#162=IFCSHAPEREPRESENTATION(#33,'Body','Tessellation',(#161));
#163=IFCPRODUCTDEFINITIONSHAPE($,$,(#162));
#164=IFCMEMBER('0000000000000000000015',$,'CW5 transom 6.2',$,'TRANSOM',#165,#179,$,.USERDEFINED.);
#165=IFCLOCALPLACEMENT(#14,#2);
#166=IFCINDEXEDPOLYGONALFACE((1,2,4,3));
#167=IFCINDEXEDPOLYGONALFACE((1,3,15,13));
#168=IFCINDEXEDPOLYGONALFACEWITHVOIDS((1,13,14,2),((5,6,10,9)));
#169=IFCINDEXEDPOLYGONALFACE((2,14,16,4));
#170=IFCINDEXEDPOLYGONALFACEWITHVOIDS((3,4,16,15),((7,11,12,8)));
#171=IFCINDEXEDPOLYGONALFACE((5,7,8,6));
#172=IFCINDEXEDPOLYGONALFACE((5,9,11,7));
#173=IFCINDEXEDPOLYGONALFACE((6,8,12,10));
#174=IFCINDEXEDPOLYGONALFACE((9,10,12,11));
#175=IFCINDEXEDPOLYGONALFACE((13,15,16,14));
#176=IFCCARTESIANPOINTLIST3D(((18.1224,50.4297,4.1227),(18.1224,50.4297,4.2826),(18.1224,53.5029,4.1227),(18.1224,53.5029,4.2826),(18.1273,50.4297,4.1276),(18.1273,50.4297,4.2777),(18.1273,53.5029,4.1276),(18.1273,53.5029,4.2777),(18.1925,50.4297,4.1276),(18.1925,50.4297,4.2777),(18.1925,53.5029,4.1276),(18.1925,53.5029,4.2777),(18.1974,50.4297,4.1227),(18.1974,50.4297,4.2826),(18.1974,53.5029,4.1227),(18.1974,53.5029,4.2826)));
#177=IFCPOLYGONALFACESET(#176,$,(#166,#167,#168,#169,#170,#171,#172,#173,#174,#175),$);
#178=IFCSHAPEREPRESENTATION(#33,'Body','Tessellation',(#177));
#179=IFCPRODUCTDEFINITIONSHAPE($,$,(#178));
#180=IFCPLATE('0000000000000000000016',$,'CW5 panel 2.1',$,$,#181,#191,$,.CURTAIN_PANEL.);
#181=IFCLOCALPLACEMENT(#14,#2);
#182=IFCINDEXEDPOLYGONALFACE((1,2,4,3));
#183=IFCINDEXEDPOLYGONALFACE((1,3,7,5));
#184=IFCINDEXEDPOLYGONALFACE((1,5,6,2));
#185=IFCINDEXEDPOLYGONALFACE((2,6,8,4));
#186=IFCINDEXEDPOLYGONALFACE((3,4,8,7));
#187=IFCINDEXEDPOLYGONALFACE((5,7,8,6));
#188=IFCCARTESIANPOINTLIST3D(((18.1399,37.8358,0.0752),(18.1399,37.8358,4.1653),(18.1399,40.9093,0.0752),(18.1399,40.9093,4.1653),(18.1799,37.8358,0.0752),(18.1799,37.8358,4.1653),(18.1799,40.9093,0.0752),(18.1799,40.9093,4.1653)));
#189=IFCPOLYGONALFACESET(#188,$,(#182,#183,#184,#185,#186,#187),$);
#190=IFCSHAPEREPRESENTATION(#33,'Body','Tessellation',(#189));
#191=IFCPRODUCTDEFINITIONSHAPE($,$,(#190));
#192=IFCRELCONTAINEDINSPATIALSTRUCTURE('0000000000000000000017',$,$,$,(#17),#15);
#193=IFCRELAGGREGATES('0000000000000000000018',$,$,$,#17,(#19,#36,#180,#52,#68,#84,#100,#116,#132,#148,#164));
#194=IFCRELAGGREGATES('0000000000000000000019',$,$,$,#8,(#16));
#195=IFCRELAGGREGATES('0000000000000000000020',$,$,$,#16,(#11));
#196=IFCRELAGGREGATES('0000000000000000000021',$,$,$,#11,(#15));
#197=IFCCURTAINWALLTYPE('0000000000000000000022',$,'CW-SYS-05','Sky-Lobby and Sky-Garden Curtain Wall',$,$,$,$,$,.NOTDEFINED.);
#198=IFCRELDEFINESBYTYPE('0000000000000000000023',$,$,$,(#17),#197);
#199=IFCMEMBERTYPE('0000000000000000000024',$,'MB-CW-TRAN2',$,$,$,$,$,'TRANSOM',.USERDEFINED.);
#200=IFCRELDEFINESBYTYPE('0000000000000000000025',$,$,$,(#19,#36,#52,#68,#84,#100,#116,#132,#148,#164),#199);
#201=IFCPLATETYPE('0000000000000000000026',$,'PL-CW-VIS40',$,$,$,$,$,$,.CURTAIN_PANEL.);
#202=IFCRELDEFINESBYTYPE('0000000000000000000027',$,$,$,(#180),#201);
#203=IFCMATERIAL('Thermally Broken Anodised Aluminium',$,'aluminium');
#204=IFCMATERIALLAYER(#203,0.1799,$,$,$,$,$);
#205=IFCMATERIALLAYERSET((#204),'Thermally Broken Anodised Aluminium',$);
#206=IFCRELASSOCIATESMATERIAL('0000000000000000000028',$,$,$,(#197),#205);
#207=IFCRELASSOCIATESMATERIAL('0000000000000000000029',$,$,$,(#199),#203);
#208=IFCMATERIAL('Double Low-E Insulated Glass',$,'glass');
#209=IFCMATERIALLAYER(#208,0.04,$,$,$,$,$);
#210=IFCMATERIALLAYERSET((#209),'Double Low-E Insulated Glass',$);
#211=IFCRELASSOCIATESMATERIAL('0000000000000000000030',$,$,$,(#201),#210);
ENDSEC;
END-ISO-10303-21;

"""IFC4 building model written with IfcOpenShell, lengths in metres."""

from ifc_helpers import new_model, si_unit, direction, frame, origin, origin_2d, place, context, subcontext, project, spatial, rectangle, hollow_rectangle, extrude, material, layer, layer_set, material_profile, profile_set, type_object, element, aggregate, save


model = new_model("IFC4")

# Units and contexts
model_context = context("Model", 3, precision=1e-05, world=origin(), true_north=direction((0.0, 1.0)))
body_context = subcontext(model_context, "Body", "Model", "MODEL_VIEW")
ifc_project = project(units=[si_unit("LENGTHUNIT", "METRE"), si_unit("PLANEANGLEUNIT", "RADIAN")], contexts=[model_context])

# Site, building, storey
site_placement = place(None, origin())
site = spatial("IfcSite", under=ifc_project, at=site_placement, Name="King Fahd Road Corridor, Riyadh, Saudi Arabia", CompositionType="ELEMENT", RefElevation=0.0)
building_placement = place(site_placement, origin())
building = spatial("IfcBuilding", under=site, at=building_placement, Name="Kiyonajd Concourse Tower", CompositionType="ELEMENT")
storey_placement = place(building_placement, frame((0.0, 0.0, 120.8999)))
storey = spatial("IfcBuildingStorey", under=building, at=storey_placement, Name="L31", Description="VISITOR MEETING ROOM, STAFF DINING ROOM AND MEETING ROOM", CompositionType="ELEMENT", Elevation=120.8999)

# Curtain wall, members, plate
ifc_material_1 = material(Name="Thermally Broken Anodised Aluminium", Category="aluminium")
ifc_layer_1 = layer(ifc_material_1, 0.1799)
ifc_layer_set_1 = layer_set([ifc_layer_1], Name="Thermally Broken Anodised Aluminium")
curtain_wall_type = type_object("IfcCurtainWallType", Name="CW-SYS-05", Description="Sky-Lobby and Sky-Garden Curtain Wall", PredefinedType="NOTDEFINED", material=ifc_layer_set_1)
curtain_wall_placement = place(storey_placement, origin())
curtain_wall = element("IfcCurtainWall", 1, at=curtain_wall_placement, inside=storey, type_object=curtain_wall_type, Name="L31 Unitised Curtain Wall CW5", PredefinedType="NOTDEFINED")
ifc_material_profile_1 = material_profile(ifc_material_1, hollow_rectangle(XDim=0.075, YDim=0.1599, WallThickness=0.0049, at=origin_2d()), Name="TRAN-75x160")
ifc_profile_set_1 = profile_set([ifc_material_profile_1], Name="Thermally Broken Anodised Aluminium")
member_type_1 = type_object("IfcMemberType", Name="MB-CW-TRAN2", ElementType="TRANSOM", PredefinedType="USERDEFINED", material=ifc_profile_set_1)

____________

Nothing but a number is asked for: how many lines of the records contain the word "CompositionType"?

3